* [Work to complete] Print, in exact form, the lines below from the one containing "22 percent open',$,$,$,$,$,$,.SHUTTER.);" through the one containing "model = None", and omit all others.
(Input for this task Opens)
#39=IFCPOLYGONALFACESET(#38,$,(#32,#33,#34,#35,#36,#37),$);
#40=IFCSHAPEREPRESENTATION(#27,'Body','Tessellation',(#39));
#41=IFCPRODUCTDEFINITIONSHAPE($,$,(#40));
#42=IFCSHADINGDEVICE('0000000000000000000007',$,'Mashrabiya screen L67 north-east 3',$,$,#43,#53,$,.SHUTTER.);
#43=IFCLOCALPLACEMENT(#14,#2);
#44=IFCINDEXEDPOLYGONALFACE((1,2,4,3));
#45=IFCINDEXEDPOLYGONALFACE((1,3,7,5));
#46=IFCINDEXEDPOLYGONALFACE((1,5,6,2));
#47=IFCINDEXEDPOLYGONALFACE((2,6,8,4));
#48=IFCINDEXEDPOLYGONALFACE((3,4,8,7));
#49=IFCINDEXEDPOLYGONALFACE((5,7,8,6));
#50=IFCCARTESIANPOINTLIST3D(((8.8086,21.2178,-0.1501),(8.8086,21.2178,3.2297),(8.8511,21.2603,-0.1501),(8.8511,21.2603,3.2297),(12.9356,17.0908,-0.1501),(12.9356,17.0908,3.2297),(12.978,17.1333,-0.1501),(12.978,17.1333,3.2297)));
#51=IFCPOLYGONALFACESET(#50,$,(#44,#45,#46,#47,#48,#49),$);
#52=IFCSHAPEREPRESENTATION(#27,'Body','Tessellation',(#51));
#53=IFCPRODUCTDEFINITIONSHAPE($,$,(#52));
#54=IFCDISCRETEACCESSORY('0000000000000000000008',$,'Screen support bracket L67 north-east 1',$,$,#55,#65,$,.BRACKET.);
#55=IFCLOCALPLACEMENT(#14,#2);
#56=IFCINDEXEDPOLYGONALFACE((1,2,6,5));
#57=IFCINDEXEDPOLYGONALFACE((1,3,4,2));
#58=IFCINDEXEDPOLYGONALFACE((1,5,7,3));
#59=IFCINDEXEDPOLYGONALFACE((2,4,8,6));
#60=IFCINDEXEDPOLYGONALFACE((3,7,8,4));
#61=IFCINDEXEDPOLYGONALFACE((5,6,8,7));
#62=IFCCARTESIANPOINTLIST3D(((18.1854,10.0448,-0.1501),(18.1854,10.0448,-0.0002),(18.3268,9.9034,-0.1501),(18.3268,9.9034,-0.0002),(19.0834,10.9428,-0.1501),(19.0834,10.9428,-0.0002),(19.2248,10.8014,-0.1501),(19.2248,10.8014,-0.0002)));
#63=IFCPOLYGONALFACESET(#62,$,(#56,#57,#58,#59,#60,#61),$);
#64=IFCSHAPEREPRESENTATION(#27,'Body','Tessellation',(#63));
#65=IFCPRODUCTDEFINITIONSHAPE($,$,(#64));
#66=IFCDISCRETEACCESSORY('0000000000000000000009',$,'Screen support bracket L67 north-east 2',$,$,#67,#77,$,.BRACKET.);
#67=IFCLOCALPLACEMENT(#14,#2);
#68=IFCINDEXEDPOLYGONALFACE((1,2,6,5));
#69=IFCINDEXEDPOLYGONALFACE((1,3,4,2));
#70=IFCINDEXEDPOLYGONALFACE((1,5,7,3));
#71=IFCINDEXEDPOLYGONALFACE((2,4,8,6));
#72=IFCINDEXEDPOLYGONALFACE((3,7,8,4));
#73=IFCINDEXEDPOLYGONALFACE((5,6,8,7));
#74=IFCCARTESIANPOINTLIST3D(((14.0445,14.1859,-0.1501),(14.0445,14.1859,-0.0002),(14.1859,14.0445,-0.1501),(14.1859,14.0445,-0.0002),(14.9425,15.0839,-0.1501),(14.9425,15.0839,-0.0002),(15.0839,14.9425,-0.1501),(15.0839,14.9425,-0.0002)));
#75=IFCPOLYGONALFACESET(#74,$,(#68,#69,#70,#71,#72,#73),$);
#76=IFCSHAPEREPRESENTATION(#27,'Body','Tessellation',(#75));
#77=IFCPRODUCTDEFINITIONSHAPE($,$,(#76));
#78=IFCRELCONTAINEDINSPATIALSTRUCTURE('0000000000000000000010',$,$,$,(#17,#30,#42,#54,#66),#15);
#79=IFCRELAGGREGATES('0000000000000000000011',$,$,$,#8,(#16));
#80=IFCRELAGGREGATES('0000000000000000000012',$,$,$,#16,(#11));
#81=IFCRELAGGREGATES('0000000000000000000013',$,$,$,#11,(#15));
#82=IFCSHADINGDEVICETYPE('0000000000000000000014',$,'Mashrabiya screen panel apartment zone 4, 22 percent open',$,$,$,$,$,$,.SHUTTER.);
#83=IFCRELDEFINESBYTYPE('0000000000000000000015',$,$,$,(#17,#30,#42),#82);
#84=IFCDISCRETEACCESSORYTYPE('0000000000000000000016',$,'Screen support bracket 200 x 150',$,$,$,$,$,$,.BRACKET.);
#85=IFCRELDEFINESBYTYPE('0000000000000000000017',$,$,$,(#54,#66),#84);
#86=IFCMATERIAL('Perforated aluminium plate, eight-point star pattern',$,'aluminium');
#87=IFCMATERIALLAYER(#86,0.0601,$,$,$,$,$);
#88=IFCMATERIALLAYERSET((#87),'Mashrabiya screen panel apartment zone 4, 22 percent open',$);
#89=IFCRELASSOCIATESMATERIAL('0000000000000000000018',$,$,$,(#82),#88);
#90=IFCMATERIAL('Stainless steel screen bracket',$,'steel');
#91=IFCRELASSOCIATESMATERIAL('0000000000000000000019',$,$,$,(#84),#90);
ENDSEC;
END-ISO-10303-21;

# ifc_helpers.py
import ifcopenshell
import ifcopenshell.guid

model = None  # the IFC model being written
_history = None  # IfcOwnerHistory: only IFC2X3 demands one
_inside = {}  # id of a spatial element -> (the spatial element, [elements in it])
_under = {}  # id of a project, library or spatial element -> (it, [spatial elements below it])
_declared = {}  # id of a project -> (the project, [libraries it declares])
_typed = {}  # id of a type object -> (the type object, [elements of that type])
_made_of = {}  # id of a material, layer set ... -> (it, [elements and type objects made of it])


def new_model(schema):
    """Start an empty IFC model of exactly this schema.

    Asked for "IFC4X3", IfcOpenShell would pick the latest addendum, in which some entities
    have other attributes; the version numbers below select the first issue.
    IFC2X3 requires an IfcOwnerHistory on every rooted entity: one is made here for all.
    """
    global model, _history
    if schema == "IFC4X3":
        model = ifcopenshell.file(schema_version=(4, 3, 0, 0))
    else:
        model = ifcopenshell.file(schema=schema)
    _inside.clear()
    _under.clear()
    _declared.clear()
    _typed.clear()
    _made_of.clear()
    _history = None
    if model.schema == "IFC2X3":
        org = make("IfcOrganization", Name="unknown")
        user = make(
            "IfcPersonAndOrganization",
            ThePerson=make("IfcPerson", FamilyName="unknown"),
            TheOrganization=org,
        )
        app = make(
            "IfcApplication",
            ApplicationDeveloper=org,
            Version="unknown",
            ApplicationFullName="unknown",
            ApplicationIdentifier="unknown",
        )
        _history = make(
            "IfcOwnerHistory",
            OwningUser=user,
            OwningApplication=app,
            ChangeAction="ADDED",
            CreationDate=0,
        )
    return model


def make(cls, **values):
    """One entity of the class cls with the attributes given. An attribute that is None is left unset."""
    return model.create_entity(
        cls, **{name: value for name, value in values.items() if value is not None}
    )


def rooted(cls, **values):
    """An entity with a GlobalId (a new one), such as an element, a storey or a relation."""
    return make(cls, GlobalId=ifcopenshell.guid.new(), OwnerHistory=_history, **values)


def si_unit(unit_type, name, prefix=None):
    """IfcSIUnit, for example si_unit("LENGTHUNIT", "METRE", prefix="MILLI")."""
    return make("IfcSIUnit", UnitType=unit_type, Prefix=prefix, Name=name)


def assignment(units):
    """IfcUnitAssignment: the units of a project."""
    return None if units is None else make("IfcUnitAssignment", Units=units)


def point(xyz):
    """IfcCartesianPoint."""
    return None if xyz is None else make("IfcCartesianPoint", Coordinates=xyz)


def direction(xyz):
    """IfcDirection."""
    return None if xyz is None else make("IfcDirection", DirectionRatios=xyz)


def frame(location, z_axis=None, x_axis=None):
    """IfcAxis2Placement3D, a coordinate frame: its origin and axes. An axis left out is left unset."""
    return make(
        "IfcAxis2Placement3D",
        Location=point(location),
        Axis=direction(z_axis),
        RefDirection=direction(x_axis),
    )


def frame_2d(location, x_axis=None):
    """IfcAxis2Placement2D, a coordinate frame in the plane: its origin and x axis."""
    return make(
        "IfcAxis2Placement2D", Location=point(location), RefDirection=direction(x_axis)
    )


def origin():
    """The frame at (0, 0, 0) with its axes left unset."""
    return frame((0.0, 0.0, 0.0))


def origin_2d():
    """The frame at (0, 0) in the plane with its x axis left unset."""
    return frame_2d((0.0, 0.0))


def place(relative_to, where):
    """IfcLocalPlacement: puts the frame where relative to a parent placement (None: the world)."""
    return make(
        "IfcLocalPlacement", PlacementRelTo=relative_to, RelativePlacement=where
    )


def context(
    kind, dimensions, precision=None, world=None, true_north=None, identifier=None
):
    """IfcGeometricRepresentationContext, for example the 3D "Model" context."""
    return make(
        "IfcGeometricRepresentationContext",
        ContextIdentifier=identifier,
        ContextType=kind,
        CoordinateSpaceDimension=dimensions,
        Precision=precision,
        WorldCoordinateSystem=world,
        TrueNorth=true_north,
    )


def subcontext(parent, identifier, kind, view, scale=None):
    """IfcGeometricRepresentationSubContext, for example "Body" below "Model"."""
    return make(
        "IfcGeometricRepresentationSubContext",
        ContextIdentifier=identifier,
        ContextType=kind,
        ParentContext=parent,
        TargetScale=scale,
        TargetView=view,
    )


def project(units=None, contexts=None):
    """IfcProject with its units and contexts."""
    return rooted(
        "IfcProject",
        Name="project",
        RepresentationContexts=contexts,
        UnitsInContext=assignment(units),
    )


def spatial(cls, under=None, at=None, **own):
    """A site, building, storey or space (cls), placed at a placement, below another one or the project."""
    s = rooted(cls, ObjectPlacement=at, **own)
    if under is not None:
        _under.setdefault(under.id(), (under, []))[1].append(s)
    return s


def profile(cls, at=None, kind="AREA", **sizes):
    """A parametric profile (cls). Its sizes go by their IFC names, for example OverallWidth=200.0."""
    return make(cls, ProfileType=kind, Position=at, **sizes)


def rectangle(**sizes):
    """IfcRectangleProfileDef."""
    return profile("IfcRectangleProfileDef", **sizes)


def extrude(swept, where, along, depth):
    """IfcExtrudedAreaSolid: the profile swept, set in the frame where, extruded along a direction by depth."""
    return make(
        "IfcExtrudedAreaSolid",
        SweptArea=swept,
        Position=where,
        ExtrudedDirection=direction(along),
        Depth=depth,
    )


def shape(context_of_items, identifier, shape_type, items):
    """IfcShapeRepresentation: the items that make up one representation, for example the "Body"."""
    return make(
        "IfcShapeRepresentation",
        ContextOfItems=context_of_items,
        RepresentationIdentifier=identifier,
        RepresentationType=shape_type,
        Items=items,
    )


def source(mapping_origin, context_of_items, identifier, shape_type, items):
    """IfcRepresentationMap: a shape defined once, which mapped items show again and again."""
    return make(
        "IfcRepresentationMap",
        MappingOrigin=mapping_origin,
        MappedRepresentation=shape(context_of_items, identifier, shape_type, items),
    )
(Input for this task Closes)
* [Response to the task]
#82=IFCSHADINGDEVICETYPE('0000000000000000000014',$,'Mashrabiya screen panel apartment zone 4, 22 percent open',$,$,$,$,$,$,.SHUTTER.);
#83=IFCRELDEFINESBYTYPE('0000000000000000000015',$,$,$,(#17,#30,#42),#82);
#84=IFCDISCRETEACCESSORYTYPE('0000000000000000000016',$,'Screen support bracket 200 x 150',$,$,$,$,$,$,.BRACKET.);
#85=IFCRELDEFINESBYTYPE('0000000000000000000017',$,$,$,(#54,#66),#84);
#86=IFCMATERIAL('Perforated aluminium plate, eight-point star pattern',$,'aluminium');
#87=IFCMATERIALLAYER(#86,0.0601,$,$,$,$,$);
#88=IFCMATERIALLAYERSET((#87),'Mashrabiya screen panel apartment zone 4, 22 percent open',$);
#89=IFCRELASSOCIATESMATERIAL('0000000000000000000018',$,$,$,(#82),#88);
#90=IFCMATERIAL('Stainless steel screen bracket',$,'steel');
#91=IFCRELASSOCIATESMATERIAL('0000000000000000000019',$,$,$,(#84),#90);
ENDSEC;
END-ISO-10303-21;

# ifc_helpers.py
import ifcopenshell
import ifcopenshell.guid

model = None  # the IFC model being written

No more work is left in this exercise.